START SOURCE RECORDS

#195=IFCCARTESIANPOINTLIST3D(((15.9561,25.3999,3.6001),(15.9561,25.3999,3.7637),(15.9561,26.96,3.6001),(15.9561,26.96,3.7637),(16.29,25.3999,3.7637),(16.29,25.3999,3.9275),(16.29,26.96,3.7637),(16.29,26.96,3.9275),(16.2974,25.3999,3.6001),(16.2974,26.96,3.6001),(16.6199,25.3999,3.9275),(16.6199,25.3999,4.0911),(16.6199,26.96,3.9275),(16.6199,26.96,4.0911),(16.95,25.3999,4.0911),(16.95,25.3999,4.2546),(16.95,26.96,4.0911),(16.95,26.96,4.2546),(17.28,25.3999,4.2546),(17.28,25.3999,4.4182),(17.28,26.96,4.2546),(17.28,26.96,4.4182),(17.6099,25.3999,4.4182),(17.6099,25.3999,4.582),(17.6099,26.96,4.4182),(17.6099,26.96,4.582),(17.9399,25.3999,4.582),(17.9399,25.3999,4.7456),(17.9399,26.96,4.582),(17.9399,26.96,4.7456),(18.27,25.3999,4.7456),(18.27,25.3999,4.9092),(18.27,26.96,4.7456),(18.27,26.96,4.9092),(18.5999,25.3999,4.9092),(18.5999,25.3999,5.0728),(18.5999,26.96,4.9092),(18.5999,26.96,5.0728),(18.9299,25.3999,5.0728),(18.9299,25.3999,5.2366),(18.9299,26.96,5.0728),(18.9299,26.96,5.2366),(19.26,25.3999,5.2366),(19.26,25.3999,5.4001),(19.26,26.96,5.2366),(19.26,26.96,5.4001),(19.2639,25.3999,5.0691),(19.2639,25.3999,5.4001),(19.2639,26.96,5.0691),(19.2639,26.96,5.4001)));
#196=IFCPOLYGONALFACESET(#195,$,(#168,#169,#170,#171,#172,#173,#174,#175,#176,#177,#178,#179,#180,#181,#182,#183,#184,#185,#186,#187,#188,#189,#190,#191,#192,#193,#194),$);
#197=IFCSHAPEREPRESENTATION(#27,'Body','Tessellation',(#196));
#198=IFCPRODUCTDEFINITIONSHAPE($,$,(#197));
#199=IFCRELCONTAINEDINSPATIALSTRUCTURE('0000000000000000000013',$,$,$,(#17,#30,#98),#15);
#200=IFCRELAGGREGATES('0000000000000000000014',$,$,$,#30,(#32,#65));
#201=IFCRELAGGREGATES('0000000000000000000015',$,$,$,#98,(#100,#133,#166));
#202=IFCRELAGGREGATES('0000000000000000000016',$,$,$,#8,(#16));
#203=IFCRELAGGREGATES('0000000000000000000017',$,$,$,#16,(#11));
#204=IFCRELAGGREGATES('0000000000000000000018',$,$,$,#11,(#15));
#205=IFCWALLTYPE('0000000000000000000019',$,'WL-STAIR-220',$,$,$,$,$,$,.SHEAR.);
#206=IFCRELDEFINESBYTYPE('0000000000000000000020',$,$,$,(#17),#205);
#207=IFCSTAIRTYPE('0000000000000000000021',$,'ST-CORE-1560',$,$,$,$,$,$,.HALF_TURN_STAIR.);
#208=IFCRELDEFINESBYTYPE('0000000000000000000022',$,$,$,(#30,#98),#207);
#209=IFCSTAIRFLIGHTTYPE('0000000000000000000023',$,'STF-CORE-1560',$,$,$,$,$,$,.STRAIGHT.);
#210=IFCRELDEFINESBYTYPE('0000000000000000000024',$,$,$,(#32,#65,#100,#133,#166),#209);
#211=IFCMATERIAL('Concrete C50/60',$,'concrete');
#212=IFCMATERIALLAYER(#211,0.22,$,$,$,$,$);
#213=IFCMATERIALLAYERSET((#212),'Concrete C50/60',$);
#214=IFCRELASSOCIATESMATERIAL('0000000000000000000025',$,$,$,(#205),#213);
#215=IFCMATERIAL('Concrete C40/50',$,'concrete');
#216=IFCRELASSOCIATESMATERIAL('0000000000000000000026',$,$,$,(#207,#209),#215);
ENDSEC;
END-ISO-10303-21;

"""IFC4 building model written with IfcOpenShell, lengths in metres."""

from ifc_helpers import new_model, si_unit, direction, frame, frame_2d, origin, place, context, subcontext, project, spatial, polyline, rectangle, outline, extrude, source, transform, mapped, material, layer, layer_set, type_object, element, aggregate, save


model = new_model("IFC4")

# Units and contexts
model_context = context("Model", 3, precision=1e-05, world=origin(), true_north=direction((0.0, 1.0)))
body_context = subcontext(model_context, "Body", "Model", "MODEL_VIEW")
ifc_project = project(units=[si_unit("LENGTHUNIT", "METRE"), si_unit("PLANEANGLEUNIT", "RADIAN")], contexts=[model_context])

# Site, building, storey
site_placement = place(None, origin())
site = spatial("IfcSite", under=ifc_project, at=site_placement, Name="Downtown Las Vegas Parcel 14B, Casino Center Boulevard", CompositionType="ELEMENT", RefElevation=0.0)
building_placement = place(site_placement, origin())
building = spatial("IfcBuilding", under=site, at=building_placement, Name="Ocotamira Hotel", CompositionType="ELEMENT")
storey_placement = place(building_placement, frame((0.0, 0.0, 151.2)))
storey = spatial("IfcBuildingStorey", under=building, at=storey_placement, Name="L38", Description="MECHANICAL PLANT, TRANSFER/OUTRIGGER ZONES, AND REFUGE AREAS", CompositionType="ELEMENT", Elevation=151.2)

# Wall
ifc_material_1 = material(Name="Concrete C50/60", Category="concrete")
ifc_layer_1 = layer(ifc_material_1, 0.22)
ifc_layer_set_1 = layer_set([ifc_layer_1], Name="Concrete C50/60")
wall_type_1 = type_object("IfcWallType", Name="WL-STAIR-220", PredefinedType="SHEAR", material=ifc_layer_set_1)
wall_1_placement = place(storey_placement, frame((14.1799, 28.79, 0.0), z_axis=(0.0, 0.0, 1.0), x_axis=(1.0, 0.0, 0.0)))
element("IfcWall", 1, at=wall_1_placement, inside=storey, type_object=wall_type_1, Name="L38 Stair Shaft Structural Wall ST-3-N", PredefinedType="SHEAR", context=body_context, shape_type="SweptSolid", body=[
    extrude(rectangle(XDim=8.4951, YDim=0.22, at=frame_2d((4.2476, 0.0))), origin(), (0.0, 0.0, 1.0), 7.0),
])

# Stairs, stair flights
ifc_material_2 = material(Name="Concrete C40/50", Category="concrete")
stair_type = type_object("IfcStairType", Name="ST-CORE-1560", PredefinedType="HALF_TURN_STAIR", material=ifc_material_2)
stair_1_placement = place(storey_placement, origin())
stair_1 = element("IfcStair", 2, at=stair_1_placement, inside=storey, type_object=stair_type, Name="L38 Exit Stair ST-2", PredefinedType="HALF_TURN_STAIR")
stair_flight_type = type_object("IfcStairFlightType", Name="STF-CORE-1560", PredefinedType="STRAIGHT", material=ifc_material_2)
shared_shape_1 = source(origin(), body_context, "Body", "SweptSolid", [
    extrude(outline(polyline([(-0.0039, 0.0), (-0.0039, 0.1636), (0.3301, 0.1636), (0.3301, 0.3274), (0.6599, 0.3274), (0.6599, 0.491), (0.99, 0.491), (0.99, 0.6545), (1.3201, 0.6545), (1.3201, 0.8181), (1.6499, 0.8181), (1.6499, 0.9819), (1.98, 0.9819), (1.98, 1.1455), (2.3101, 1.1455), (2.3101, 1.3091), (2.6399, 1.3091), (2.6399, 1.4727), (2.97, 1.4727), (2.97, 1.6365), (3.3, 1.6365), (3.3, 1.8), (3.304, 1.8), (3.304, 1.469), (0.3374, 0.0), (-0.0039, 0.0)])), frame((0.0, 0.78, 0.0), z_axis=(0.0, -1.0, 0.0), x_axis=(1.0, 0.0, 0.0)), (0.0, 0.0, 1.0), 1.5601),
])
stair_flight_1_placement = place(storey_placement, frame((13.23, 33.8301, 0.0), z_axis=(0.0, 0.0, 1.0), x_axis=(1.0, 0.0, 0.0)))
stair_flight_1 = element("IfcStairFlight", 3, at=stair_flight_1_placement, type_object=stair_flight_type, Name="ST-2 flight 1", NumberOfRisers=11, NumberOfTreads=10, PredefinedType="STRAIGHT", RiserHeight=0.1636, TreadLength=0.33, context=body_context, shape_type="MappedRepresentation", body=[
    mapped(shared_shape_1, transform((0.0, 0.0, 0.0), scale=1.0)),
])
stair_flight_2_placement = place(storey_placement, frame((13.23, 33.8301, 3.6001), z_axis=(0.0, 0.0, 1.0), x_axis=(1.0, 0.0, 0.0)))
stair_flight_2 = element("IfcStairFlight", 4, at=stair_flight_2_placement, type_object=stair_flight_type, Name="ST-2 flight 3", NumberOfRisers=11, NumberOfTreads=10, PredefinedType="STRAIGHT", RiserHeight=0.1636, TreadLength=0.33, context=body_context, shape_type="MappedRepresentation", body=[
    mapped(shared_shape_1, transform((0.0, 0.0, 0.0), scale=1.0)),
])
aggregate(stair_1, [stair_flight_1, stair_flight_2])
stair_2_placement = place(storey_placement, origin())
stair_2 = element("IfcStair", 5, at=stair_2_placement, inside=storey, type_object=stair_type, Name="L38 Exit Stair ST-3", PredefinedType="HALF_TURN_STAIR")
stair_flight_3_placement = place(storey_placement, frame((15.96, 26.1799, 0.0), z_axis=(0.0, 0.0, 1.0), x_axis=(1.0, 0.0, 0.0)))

END SOURCE RECORDS

Pull every line containing the word "contexts" out of the entries above.

# Units and contexts
ifc_project = project(units=[si_unit("LENGTHUNIT", "METRE"), si_unit("PLANEANGLEUNIT", "RADIAN")], contexts=[model_context])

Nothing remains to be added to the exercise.